As the lines appear below, please set them down exactly, starting at the first and finishing with the one containing "END-ISO-10303-21;".

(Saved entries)
========================
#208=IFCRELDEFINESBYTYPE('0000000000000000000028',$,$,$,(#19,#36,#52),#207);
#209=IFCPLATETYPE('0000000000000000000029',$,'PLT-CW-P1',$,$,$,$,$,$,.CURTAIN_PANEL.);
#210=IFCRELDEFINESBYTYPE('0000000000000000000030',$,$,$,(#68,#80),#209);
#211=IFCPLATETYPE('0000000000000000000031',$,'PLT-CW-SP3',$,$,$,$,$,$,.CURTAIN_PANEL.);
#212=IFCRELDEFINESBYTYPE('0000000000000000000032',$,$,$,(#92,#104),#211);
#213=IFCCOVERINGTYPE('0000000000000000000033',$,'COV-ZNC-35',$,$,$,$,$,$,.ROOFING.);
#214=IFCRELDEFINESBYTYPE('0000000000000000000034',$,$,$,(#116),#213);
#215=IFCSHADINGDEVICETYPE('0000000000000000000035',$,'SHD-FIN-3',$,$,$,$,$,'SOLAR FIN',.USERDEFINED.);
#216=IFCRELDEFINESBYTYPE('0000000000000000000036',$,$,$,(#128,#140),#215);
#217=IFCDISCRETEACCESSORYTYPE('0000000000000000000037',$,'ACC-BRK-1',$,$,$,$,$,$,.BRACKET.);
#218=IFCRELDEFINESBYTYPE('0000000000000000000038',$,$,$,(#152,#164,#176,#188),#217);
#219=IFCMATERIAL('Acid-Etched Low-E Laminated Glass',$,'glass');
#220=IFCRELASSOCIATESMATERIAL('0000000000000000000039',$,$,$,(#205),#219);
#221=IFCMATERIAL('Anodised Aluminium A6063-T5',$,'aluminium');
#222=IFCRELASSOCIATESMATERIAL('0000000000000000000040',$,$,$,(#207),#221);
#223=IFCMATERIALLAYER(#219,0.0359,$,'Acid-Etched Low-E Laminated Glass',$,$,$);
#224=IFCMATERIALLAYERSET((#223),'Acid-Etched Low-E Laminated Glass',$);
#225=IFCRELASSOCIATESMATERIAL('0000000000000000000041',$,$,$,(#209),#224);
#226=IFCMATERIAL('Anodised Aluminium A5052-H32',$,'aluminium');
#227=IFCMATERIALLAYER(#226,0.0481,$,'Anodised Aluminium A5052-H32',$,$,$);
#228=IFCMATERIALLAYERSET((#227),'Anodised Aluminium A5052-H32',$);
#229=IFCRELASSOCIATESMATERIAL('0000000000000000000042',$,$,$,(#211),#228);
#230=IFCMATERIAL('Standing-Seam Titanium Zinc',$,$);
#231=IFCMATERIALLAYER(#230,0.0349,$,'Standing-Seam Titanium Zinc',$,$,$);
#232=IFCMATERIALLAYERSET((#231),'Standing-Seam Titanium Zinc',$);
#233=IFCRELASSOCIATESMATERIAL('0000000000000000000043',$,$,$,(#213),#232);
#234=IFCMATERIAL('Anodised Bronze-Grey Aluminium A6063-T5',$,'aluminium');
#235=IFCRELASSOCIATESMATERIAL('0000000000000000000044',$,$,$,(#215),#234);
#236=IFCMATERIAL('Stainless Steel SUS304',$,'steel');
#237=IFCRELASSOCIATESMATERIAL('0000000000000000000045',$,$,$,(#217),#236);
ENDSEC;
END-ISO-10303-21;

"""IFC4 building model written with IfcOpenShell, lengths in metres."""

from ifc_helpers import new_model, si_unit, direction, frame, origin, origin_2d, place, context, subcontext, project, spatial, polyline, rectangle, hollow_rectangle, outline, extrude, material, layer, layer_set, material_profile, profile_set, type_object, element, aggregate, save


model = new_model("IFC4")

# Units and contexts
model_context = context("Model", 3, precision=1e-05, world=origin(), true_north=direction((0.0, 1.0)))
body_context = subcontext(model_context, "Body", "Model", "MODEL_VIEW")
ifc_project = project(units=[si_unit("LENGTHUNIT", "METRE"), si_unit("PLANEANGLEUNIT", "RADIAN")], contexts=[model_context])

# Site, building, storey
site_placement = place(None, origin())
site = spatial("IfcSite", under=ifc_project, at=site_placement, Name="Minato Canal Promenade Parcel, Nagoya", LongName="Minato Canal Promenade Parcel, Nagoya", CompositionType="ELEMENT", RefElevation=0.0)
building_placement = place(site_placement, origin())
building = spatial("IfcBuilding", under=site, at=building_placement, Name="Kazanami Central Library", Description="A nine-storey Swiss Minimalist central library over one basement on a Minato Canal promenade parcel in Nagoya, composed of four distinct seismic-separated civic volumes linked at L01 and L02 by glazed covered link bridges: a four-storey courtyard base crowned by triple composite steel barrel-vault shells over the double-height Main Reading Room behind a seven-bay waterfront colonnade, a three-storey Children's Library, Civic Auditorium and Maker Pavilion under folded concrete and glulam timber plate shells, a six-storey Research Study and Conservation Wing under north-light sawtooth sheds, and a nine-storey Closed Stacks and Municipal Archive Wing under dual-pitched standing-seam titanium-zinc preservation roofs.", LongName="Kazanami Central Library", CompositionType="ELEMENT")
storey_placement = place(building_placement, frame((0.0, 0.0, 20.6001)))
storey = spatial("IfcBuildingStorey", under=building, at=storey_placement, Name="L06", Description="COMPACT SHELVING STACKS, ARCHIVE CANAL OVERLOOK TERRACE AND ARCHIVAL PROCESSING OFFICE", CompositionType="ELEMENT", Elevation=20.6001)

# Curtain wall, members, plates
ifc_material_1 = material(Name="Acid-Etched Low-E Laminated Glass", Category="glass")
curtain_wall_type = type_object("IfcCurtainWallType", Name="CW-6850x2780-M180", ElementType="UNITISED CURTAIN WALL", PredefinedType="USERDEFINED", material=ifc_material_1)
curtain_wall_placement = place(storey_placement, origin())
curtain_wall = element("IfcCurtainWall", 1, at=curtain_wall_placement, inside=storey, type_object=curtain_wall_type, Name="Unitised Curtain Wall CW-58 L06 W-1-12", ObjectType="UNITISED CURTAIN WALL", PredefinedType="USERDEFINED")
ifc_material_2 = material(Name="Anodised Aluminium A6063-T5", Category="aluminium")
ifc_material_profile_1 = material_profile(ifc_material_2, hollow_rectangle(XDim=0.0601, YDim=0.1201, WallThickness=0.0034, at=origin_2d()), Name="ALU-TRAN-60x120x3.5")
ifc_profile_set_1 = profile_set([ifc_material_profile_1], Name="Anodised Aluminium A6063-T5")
========================
■ Response to this task
#208=IFCRELDEFINESBYTYPE('0000000000000000000028',$,$,$,(#19,#36,#52),#207);
#209=IFCPLATETYPE('0000000000000000000029',$,'PLT-CW-P1',$,$,$,$,$,$,.CURTAIN_PANEL.);
#210=IFCRELDEFINESBYTYPE('0000000000000000000030',$,$,$,(#68,#80),#209);
#211=IFCPLATETYPE('0000000000000000000031',$,'PLT-CW-SP3',$,$,$,$,$,$,.CURTAIN_PANEL.);
#212=IFCRELDEFINESBYTYPE('0000000000000000000032',$,$,$,(#92,#104),#211);
#213=IFCCOVERINGTYPE('0000000000000000000033',$,'COV-ZNC-35',$,$,$,$,$,$,.ROOFING.);
#214=IFCRELDEFINESBYTYPE('0000000000000000000034',$,$,$,(#116),#213);
#215=IFCSHADINGDEVICETYPE('0000000000000000000035',$,'SHD-FIN-3',$,$,$,$,$,'SOLAR FIN',.USERDEFINED.);
#216=IFCRELDEFINESBYTYPE('0000000000000000000036',$,$,$,(#128,#140),#215);
#217=IFCDISCRETEACCESSORYTYPE('0000000000000000000037',$,'ACC-BRK-1',$,$,$,$,$,$,.BRACKET.);
#218=IFCRELDEFINESBYTYPE('0000000000000000000038',$,$,$,(#152,#164,#176,#188),#217);
#219=IFCMATERIAL('Acid-Etched Low-E Laminated Glass',$,'glass');
#220=IFCRELASSOCIATESMATERIAL('0000000000000000000039',$,$,$,(#205),#219);
#221=IFCMATERIAL('Anodised Aluminium A6063-T5',$,'aluminium');
#222=IFCRELASSOCIATESMATERIAL('0000000000000000000040',$,$,$,(#207),#221);
#223=IFCMATERIALLAYER(#219,0.0359,$,'Acid-Etched Low-E Laminated Glass',$,$,$);
#224=IFCMATERIALLAYERSET((#223),'Acid-Etched Low-E Laminated Glass',$);
#225=IFCRELASSOCIATESMATERIAL('0000000000000000000041',$,$,$,(#209),#224);
#226=IFCMATERIAL('Anodised Aluminium A5052-H32',$,'aluminium');
#227=IFCMATERIALLAYER(#226,0.0481,$,'Anodised Aluminium A5052-H32',$,$,$);
#228=IFCMATERIALLAYERSET((#227),'Anodised Aluminium A5052-H32',$);
#229=IFCRELASSOCIATESMATERIAL('0000000000000000000042',$,$,$,(#211),#228);
#230=IFCMATERIAL('Standing-Seam Titanium Zinc',$,$);
#231=IFCMATERIALLAYER(#230,0.0349,$,'Standing-Seam Titanium Zinc',$,$,$);
#232=IFCMATERIALLAYERSET((#231),'Standing-Seam Titanium Zinc',$);
#233=IFCRELASSOCIATESMATERIAL('0000000000000000000043',$,$,$,(#213),#232);
#234=IFCMATERIAL('Anodised Bronze-Grey Aluminium A6063-T5',$,'aluminium');
#235=IFCRELASSOCIATESMATERIAL('0000000000000000000044',$,$,$,(#215),#234);
#236=IFCMATERIAL('Stainless Steel SUS304',$,'steel');
#237=IFCRELASSOCIATESMATERIAL('0000000000000000000045',$,$,$,(#217),#236);
ENDSEC;
END-ISO-10303-21;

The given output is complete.